*Exercise details*: Beginning with the line below that contains "FILE_DESCRIPTION((''),'2;1');" and ending with the line that contains "#3=IFCDIRECTION((0.,1.));", copy every line exactly. Copy nothing else.
-------- Input data --------
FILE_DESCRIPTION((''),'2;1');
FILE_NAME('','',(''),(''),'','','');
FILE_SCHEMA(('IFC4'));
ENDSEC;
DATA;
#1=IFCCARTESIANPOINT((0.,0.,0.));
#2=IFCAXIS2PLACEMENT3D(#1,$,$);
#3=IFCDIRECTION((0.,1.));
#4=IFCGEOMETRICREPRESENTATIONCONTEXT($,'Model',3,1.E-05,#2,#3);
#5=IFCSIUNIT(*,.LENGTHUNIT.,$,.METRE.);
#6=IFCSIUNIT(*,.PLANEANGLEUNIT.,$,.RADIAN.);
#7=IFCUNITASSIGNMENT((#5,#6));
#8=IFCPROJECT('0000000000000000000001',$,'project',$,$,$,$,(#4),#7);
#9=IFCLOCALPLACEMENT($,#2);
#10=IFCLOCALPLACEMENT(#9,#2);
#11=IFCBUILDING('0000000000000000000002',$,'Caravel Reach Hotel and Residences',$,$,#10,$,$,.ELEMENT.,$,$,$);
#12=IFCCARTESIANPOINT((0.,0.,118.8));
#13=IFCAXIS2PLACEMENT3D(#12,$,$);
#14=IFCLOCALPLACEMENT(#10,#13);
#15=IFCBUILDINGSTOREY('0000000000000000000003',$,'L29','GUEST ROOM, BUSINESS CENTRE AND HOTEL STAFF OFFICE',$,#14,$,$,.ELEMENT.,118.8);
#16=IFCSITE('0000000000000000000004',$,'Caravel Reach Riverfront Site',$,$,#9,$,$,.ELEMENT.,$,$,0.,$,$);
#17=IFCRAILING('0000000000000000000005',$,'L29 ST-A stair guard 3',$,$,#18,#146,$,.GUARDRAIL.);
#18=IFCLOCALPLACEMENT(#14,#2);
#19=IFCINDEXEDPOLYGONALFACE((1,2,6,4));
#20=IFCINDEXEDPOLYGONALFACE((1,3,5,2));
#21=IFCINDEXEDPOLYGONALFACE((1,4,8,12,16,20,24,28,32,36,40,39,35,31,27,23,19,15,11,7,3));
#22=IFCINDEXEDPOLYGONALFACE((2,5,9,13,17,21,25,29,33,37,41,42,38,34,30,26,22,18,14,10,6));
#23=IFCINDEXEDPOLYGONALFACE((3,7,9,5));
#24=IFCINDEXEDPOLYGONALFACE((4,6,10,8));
--------
-------- Input data --------
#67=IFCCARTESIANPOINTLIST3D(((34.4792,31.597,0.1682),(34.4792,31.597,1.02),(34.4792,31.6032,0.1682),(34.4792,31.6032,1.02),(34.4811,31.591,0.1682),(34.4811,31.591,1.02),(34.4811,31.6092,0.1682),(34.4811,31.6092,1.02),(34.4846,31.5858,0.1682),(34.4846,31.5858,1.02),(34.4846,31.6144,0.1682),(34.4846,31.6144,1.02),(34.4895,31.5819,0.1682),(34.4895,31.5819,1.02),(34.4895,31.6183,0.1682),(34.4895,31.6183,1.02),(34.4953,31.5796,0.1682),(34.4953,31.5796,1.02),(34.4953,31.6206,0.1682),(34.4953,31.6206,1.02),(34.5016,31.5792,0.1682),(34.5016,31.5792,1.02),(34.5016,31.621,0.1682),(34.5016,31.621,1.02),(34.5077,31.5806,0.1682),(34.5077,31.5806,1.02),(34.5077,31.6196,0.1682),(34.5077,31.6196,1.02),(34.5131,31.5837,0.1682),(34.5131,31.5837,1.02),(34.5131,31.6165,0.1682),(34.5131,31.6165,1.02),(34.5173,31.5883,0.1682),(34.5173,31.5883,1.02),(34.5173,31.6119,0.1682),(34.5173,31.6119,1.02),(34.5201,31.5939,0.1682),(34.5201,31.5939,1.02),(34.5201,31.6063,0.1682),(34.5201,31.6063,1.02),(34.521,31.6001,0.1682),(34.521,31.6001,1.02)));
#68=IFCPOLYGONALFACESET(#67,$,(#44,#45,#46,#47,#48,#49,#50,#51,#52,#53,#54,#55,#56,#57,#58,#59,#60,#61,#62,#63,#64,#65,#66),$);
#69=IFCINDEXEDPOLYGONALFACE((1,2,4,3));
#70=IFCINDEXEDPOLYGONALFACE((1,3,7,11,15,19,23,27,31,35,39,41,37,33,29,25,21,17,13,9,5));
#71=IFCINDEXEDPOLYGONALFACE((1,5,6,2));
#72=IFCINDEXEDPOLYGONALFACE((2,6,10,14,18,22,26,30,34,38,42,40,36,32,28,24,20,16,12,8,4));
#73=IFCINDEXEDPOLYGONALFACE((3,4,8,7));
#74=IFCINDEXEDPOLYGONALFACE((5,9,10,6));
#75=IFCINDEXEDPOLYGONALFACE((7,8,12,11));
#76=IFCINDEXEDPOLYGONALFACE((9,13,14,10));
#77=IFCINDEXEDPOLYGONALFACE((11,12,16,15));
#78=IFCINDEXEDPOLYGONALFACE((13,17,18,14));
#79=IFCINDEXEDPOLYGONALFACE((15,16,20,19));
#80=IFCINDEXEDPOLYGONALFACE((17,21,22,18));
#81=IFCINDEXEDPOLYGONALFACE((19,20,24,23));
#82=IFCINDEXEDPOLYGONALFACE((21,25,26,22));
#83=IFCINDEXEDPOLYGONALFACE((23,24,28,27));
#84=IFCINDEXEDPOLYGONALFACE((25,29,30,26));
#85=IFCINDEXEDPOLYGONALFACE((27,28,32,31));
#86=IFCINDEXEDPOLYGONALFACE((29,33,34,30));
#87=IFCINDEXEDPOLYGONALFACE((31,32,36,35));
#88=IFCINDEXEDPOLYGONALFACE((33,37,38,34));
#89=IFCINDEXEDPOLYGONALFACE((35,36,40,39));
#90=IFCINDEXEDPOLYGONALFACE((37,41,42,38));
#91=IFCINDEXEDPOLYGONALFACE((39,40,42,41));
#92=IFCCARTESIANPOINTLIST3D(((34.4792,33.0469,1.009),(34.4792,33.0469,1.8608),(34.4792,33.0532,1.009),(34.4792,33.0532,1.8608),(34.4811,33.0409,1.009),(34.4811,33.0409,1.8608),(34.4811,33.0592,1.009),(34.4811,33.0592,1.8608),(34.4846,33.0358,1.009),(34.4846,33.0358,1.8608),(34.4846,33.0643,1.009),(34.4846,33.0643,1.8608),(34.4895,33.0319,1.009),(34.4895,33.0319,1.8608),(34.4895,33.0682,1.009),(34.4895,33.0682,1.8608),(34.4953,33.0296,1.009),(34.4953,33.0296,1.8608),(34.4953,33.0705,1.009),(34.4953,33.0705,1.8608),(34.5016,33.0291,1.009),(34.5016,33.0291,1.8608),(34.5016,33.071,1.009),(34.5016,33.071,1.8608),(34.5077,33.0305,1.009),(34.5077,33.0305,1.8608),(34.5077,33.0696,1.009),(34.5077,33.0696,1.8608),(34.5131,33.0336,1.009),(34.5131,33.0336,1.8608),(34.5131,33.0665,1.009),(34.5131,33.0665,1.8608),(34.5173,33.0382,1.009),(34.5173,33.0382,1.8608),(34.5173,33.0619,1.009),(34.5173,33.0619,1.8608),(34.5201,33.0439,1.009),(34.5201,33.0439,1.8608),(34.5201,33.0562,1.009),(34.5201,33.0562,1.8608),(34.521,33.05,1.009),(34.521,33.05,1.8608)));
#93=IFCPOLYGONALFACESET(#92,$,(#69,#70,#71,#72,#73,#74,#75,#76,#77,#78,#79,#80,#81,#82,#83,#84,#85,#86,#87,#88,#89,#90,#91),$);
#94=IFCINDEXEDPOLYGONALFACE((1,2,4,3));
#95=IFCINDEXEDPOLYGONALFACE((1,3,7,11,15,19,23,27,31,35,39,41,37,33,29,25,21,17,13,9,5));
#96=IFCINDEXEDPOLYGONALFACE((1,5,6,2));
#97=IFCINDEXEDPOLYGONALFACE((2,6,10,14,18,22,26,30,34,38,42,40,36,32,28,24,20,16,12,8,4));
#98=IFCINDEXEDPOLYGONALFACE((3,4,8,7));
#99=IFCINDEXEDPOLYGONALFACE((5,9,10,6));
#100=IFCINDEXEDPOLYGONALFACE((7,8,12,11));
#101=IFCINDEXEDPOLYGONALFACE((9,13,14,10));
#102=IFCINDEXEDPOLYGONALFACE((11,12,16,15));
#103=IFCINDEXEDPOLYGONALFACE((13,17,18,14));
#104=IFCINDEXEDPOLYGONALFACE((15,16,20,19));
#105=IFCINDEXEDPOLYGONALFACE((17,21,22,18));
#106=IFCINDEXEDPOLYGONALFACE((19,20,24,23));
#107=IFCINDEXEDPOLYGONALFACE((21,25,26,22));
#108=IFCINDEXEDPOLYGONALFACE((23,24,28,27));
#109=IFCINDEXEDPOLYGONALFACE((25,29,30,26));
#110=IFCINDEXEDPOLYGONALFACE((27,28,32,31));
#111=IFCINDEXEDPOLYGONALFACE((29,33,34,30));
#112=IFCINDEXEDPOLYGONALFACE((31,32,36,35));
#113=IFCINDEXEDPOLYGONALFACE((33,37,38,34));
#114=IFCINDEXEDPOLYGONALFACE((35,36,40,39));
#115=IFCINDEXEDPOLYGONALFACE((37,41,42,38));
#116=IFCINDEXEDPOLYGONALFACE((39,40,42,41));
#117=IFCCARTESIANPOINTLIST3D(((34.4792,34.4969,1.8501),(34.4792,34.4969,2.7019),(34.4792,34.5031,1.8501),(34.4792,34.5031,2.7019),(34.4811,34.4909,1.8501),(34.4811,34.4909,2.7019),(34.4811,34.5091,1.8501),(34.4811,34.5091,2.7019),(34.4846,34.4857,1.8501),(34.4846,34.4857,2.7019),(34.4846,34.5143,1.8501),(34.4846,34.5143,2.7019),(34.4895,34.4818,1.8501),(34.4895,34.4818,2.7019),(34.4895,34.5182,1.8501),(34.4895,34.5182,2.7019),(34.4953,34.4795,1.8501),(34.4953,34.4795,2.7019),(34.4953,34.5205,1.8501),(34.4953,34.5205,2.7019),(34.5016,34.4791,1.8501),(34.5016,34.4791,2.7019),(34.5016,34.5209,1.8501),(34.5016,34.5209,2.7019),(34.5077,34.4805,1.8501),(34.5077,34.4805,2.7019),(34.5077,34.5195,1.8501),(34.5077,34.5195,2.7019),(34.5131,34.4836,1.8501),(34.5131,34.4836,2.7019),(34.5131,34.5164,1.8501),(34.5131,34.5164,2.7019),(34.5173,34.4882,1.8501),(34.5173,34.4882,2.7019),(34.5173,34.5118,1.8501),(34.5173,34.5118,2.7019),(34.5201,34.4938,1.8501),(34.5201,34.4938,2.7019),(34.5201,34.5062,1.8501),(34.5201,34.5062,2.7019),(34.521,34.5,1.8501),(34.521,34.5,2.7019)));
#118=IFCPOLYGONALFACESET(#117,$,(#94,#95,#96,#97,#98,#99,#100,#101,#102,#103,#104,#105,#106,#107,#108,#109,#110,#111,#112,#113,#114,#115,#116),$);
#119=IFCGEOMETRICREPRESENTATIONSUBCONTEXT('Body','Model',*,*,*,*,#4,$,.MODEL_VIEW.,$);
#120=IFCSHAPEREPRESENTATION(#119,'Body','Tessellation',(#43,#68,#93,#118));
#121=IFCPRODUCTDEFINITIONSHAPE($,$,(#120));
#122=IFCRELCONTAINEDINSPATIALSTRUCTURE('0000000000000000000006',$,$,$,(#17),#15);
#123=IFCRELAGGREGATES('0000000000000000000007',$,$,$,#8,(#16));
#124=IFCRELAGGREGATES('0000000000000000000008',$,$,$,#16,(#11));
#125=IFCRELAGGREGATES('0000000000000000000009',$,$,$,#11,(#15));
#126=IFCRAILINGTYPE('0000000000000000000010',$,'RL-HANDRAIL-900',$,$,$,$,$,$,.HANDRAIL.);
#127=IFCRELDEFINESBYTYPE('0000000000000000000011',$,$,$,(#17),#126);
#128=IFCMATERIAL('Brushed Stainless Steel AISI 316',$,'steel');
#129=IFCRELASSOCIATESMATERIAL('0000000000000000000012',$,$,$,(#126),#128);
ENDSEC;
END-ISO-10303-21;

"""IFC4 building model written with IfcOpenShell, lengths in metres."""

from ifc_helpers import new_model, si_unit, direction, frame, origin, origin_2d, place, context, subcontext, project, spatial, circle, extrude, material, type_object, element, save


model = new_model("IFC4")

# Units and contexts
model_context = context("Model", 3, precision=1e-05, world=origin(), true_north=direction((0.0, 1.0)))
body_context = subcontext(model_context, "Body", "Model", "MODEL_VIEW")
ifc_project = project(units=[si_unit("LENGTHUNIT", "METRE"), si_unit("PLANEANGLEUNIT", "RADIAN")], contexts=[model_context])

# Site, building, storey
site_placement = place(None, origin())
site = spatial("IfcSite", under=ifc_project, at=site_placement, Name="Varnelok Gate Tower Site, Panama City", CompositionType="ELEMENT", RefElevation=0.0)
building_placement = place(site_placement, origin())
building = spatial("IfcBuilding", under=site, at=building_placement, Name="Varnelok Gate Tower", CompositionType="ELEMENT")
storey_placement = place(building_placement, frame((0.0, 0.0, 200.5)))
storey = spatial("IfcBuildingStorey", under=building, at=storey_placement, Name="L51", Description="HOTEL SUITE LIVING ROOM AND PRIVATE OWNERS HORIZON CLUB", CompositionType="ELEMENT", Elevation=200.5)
--------
*Worked solution*:
FILE_DESCRIPTION((''),'2;1');
FILE_NAME('','',(''),(''),'','','');
FILE_SCHEMA(('IFC4'));
ENDSEC;
DATA;
#1=IFCCARTESIANPOINT((0.,0.,0.));
#2=IFCAXIS2PLACEMENT3D(#1,$,$);
#3=IFCDIRECTION((0.,1.));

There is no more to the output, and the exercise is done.